== Activity ==
Give every line of the data again, exactly.

___ Provided material ___

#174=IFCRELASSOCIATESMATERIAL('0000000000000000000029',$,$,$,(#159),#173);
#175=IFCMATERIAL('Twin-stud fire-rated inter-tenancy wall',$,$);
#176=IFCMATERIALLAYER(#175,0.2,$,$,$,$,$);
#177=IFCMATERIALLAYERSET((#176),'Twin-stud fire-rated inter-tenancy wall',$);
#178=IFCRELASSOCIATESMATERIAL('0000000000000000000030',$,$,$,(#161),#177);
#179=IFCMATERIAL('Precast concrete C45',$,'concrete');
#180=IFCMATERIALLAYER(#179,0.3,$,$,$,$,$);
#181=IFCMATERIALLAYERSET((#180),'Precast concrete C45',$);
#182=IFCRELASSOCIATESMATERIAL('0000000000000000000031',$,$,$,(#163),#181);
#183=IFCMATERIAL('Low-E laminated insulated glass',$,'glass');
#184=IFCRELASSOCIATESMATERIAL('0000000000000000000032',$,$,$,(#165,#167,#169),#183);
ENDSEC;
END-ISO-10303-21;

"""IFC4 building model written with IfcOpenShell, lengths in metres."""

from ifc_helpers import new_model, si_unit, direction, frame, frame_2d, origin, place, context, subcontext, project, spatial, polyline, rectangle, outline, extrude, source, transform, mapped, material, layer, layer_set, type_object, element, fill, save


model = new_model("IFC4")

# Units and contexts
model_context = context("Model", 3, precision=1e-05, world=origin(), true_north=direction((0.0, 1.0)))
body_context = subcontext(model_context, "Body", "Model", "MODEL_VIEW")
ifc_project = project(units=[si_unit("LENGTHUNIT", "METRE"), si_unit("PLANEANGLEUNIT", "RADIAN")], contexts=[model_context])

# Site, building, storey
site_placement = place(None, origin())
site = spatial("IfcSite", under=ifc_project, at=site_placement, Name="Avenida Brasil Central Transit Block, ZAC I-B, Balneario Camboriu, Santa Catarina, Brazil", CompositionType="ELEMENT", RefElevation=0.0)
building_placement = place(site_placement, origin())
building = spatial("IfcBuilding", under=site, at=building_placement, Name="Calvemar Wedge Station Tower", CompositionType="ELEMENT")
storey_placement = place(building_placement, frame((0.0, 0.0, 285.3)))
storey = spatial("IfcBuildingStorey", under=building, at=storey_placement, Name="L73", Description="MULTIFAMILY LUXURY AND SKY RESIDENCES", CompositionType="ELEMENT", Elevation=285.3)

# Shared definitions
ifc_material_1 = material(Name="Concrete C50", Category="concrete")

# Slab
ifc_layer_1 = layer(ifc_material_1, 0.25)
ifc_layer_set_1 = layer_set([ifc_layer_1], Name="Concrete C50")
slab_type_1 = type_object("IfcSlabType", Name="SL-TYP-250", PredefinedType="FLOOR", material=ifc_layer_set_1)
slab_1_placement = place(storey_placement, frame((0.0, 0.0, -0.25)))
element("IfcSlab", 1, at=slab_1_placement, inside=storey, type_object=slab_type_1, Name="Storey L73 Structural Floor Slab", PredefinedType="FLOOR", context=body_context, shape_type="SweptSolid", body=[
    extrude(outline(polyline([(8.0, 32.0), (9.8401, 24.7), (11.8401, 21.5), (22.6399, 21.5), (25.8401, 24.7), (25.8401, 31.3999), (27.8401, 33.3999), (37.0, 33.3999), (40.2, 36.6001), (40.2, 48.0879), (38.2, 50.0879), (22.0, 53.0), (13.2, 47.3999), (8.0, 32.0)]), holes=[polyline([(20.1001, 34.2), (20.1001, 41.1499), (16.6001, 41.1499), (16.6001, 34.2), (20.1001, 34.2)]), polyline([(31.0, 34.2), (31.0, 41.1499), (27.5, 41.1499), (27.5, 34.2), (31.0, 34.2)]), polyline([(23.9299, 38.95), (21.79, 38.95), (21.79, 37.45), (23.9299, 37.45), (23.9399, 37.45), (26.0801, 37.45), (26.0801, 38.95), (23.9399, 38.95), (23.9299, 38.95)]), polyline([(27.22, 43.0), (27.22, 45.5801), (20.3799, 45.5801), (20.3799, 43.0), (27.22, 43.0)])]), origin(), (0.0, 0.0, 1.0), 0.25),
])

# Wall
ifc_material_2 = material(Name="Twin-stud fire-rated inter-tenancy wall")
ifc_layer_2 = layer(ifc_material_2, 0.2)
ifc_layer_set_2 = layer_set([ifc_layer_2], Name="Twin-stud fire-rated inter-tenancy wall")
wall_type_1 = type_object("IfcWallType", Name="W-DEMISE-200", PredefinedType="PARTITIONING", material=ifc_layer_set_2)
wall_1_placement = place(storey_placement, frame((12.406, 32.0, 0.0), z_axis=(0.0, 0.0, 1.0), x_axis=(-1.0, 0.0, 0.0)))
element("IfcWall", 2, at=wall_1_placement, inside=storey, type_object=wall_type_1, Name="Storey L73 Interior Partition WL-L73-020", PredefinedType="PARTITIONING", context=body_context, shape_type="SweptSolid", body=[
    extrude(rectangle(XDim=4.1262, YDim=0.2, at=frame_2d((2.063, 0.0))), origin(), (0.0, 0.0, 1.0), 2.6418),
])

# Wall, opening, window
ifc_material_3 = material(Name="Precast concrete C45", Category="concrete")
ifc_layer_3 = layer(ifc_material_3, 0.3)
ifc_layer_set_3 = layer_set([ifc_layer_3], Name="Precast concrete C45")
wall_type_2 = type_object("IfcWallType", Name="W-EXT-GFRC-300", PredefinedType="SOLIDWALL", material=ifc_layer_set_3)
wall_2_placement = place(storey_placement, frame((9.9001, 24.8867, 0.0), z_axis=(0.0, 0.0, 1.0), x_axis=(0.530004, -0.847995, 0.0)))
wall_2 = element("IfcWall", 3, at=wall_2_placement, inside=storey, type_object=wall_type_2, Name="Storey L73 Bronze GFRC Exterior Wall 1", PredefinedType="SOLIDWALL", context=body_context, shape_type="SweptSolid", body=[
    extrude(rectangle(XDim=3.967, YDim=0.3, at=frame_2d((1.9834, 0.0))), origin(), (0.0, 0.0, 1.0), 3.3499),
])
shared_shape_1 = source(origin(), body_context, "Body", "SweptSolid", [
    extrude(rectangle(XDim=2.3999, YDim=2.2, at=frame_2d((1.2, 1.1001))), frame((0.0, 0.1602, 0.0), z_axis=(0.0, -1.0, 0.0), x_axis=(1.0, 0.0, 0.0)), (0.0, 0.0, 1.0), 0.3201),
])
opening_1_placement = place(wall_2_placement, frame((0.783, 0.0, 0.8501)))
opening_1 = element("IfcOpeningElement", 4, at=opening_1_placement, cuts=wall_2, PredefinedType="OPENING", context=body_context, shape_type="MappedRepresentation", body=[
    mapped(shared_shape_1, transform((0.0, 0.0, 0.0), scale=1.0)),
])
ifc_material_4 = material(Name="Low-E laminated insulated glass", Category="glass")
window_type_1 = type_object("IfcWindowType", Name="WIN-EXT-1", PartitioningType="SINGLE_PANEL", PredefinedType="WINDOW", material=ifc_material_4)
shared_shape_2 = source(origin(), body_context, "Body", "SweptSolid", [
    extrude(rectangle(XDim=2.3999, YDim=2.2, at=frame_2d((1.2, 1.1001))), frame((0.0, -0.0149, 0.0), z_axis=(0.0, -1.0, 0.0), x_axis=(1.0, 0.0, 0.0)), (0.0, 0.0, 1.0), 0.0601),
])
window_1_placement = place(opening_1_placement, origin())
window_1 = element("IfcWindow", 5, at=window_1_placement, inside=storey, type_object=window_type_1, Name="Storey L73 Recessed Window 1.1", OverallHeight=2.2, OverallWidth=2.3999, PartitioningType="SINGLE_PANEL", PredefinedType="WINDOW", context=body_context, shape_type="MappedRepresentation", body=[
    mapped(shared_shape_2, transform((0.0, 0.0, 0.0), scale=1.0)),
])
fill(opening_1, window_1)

___

== Task output ==
#174=IFCRELASSOCIATESMATERIAL('0000000000000000000029',$,$,$,(#159),#173);
#175=IFCMATERIAL('Twin-stud fire-rated inter-tenancy wall',$,$);
#176=IFCMATERIALLAYER(#175,0.2,$,$,$,$,$);
#177=IFCMATERIALLAYERSET((#176),'Twin-stud fire-rated inter-tenancy wall',$);
#178=IFCRELASSOCIATESMATERIAL('0000000000000000000030',$,$,$,(#161),#177);
#179=IFCMATERIAL('Precast concrete C45',$,'concrete');
#180=IFCMATERIALLAYER(#179,0.3,$,$,$,$,$);
#181=IFCMATERIALLAYERSET((#180),'Precast concrete C45',$);
#182=IFCRELASSOCIATESMATERIAL('0000000000000000000031',$,$,$,(#163),#181);
#183=IFCMATERIAL('Low-E laminated insulated glass',$,'glass');
#184=IFCRELASSOCIATESMATERIAL('0000000000000000000032',$,$,$,(#165,#167,#169),#183);
ENDSEC;
END-ISO-10303-21;

"""IFC4 building model written with IfcOpenShell, lengths in metres."""

from ifc_helpers import new_model, si_unit, direction, frame, frame_2d, origin, place, context, subcontext, project, spatial, polyline, rectangle, outline, extrude, source, transform, mapped, material, layer, layer_set, type_object, element, fill, save


model = new_model("IFC4")

# Units and contexts
model_context = context("Model", 3, precision=1e-05, world=origin(), true_north=direction((0.0, 1.0)))
body_context = subcontext(model_context, "Body", "Model", "MODEL_VIEW")
ifc_project = project(units=[si_unit("LENGTHUNIT", "METRE"), si_unit("PLANEANGLEUNIT", "RADIAN")], contexts=[model_context])

# Site, building, storey
site_placement = place(None, origin())
site = spatial("IfcSite", under=ifc_project, at=site_placement, Name="Avenida Brasil Central Transit Block, ZAC I-B, Balneario Camboriu, Santa Catarina, Brazil", CompositionType="ELEMENT", RefElevation=0.0)
building_placement = place(site_placement, origin())
building = spatial("IfcBuilding", under=site, at=building_placement, Name="Calvemar Wedge Station Tower", CompositionType="ELEMENT")
storey_placement = place(building_placement, frame((0.0, 0.0, 285.3)))
storey = spatial("IfcBuildingStorey", under=building, at=storey_placement, Name="L73", Description="MULTIFAMILY LUXURY AND SKY RESIDENCES", CompositionType="ELEMENT", Elevation=285.3)

# Shared definitions
ifc_material_1 = material(Name="Concrete C50", Category="concrete")

# Slab
ifc_layer_1 = layer(ifc_material_1, 0.25)
ifc_layer_set_1 = layer_set([ifc_layer_1], Name="Concrete C50")
slab_type_1 = type_object("IfcSlabType", Name="SL-TYP-250", PredefinedType="FLOOR", material=ifc_layer_set_1)
slab_1_placement = place(storey_placement, frame((0.0, 0.0, -0.25)))
element("IfcSlab", 1, at=slab_1_placement, inside=storey, type_object=slab_type_1, Name="Storey L73 Structural Floor Slab", PredefinedType="FLOOR", context=body_context, shape_type="SweptSolid", body=[
    extrude(outline(polyline([(8.0, 32.0), (9.8401, 24.7), (11.8401, 21.5), (22.6399, 21.5), (25.8401, 24.7), (25.8401, 31.3999), (27.8401, 33.3999), (37.0, 33.3999), (40.2, 36.6001), (40.2, 48.0879), (38.2, 50.0879), (22.0, 53.0), (13.2, 47.3999), (8.0, 32.0)]), holes=[polyline([(20.1001, 34.2), (20.1001, 41.1499), (16.6001, 41.1499), (16.6001, 34.2), (20.1001, 34.2)]), polyline([(31.0, 34.2), (31.0, 41.1499), (27.5, 41.1499), (27.5, 34.2), (31.0, 34.2)]), polyline([(23.9299, 38.95), (21.79, 38.95), (21.79, 37.45), (23.9299, 37.45), (23.9399, 37.45), (26.0801, 37.45), (26.0801, 38.95), (23.9399, 38.95), (23.9299, 38.95)]), polyline([(27.22, 43.0), (27.22, 45.5801), (20.3799, 45.5801), (20.3799, 43.0), (27.22, 43.0)])]), origin(), (0.0, 0.0, 1.0), 0.25),
])

# Wall
ifc_material_2 = material(Name="Twin-stud fire-rated inter-tenancy wall")
ifc_layer_2 = layer(ifc_material_2, 0.2)
ifc_layer_set_2 = layer_set([ifc_layer_2], Name="Twin-stud fire-rated inter-tenancy wall")
wall_type_1 = type_object("IfcWallType", Name="W-DEMISE-200", PredefinedType="PARTITIONING", material=ifc_layer_set_2)
wall_1_placement = place(storey_placement, frame((12.406, 32.0, 0.0), z_axis=(0.0, 0.0, 1.0), x_axis=(-1.0, 0.0, 0.0)))
element("IfcWall", 2, at=wall_1_placement, inside=storey, type_object=wall_type_1, Name="Storey L73 Interior Partition WL-L73-020", PredefinedType="PARTITIONING", context=body_context, shape_type="SweptSolid", body=[
    extrude(rectangle(XDim=4.1262, YDim=0.2, at=frame_2d((2.063, 0.0))), origin(), (0.0, 0.0, 1.0), 2.6418),
])

# Wall, opening, window
ifc_material_3 = material(Name="Precast concrete C45", Category="concrete")
ifc_layer_3 = layer(ifc_material_3, 0.3)
ifc_layer_set_3 = layer_set([ifc_layer_3], Name="Precast concrete C45")
wall_type_2 = type_object("IfcWallType", Name="W-EXT-GFRC-300", PredefinedType="SOLIDWALL", material=ifc_layer_set_3)
wall_2_placement = place(storey_placement, frame((9.9001, 24.8867, 0.0), z_axis=(0.0, 0.0, 1.0), x_axis=(0.530004, -0.847995, 0.0)))
wall_2 = element("IfcWall", 3, at=wall_2_placement, inside=storey, type_object=wall_type_2, Name="Storey L73 Bronze GFRC Exterior Wall 1", PredefinedType="SOLIDWALL", context=body_context, shape_type="SweptSolid", body=[
    extrude(rectangle(XDim=3.967, YDim=0.3, at=frame_2d((1.9834, 0.0))), origin(), (0.0, 0.0, 1.0), 3.3499),
])
shared_shape_1 = source(origin(), body_context, "Body", "SweptSolid", [
    extrude(rectangle(XDim=2.3999, YDim=2.2, at=frame_2d((1.2, 1.1001))), frame((0.0, 0.1602, 0.0), z_axis=(0.0, -1.0, 0.0), x_axis=(1.0, 0.0, 0.0)), (0.0, 0.0, 1.0), 0.3201),
])
opening_1_placement = place(wall_2_placement, frame((0.783, 0.0, 0.8501)))
opening_1 = element("IfcOpeningElement", 4, at=opening_1_placement, cuts=wall_2, PredefinedType="OPENING", context=body_context, shape_type="MappedRepresentation", body=[
    mapped(shared_shape_1, transform((0.0, 0.0, 0.0), scale=1.0)),
])
ifc_material_4 = material(Name="Low-E laminated insulated glass", Category="glass")
window_type_1 = type_object("IfcWindowType", Name="WIN-EXT-1", PartitioningType="SINGLE_PANEL", PredefinedType="WINDOW", material=ifc_material_4)
shared_shape_2 = source(origin(), body_context, "Body", "SweptSolid", [
    extrude(rectangle(XDim=2.3999, YDim=2.2, at=frame_2d((1.2, 1.1001))), frame((0.0, -0.0149, 0.0), z_axis=(0.0, -1.0, 0.0), x_axis=(1.0, 0.0, 0.0)), (0.0, 0.0, 1.0), 0.0601),
])
window_1_placement = place(opening_1_placement, origin())
window_1 = element("IfcWindow", 5, at=window_1_placement, inside=storey, type_object=window_type_1, Name="Storey L73 Recessed Window 1.1", OverallHeight=2.2, OverallWidth=2.3999, PartitioningType="SINGLE_PANEL", PredefinedType="WINDOW", context=body_context, shape_type="MappedRepresentation", body=[
    mapped(shared_shape_2, transform((0.0, 0.0, 0.0), scale=1.0)),
])
fill(opening_1, window_1)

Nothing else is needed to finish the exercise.